▶ **Requirement**: In the entries, find all lines that hold the word "IFCRELDEFINESBYTYPE" and copy them.

▶ **Dataset records**:

-- Opening Marker --

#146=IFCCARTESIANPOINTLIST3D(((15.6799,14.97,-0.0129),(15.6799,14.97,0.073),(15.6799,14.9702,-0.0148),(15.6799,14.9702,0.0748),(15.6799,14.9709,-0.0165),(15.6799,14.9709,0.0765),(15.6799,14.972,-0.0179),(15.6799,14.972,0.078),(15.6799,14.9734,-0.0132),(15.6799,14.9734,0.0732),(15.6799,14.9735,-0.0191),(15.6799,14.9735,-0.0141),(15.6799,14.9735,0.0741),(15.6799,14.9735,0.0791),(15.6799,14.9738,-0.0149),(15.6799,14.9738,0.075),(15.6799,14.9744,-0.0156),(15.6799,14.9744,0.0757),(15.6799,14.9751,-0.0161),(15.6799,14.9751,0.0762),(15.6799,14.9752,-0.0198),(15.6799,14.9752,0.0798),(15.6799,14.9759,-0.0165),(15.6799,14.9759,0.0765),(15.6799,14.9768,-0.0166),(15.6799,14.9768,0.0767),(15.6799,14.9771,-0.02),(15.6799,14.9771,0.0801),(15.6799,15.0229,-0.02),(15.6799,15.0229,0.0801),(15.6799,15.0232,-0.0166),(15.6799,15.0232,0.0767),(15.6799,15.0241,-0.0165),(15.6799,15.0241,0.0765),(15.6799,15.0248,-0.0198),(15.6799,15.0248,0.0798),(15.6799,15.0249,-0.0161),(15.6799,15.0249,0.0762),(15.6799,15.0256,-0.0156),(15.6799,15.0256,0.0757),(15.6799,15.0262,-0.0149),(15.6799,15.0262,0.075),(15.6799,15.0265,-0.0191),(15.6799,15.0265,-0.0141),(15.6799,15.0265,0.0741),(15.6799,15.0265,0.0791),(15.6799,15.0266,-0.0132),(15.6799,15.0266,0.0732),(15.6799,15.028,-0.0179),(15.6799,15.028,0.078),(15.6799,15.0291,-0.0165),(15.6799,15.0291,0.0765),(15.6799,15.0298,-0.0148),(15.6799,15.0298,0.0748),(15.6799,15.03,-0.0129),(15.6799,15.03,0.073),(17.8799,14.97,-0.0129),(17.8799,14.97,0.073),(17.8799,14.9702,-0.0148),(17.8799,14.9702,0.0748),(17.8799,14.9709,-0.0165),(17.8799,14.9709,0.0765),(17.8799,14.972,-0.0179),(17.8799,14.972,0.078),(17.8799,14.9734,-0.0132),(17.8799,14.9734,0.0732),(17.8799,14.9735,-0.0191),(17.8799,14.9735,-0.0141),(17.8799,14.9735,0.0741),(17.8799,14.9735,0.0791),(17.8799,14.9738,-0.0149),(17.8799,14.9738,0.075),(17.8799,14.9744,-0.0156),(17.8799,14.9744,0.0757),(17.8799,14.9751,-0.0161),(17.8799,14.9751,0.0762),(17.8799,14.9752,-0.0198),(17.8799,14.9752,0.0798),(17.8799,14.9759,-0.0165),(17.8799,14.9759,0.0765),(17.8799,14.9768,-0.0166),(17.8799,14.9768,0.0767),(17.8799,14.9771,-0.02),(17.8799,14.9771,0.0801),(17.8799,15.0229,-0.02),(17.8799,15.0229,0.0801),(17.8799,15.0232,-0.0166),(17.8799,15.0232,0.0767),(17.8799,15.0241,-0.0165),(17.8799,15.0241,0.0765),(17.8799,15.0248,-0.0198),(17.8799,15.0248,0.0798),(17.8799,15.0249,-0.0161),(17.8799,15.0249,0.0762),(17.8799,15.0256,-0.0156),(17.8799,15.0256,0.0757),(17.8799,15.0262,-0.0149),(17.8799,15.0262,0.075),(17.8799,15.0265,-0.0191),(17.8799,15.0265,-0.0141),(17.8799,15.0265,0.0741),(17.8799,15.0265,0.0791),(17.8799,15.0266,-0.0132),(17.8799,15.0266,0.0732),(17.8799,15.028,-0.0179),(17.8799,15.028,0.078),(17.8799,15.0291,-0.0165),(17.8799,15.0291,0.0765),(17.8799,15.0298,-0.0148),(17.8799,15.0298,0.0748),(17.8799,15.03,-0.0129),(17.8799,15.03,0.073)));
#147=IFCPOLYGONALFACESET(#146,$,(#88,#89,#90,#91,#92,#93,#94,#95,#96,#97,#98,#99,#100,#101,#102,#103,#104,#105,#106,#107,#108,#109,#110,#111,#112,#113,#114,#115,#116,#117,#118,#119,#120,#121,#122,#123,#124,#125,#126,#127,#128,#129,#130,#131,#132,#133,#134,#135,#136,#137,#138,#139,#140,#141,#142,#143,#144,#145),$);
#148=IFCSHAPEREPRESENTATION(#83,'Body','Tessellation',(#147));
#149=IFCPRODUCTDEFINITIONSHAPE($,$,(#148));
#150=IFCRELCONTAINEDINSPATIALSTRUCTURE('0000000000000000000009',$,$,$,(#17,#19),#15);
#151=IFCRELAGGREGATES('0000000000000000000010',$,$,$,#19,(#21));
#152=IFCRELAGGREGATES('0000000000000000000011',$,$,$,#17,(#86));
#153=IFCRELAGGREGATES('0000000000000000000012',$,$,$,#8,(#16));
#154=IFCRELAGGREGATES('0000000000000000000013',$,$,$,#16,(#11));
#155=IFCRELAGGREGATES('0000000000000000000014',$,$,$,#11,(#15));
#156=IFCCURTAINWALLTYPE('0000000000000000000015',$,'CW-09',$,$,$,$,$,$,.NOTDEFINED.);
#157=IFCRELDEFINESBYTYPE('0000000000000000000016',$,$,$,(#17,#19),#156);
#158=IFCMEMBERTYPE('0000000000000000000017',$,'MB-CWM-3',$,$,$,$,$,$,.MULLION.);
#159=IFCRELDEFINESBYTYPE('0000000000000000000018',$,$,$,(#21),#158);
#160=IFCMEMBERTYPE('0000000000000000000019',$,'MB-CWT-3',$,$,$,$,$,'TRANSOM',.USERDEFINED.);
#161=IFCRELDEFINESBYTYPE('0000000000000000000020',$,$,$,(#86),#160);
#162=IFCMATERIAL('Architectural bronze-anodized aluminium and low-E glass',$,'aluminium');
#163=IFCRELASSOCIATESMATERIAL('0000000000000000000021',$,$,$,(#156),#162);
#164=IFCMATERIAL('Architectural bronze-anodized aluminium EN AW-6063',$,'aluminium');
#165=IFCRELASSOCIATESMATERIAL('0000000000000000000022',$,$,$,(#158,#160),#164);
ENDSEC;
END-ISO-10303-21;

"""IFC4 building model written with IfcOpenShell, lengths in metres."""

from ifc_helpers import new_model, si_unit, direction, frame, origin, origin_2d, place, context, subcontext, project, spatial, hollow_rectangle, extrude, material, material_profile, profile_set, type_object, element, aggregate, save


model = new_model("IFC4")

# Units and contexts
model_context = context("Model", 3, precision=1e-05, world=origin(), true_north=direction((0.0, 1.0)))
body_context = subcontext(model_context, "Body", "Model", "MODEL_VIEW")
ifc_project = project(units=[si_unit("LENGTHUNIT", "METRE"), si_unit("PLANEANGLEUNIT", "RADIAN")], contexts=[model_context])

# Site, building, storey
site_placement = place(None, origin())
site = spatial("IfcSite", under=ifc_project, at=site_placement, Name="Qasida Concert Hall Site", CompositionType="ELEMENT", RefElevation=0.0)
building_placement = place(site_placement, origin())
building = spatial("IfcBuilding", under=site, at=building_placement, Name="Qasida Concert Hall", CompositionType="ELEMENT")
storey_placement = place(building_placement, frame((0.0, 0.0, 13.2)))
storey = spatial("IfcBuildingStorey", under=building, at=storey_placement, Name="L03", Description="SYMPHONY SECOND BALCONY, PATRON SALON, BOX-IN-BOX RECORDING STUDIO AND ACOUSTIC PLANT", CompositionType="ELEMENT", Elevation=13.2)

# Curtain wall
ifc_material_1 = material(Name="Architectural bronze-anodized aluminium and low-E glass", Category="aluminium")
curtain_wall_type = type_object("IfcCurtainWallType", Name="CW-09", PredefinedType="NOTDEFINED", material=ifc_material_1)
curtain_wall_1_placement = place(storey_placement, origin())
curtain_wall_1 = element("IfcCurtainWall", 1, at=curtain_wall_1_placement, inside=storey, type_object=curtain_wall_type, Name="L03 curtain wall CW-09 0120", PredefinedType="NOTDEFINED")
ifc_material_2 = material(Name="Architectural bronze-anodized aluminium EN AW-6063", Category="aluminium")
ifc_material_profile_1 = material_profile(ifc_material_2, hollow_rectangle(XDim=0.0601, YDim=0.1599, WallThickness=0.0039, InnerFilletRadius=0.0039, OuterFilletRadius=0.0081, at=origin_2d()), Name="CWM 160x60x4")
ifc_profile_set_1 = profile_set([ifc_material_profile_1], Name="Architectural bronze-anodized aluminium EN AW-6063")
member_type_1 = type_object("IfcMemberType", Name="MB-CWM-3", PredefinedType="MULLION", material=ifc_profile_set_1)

-- Closing Marker --

▶ **Response area**:
#157=IFCRELDEFINESBYTYPE('0000000000000000000016',$,$,$,(#17,#19),#156);
#159=IFCRELDEFINESBYTYPE('0000000000000000000018',$,$,$,(#21),#158);
#161=IFCRELDEFINESBYTYPE('0000000000000000000020',$,$,$,(#86),#160);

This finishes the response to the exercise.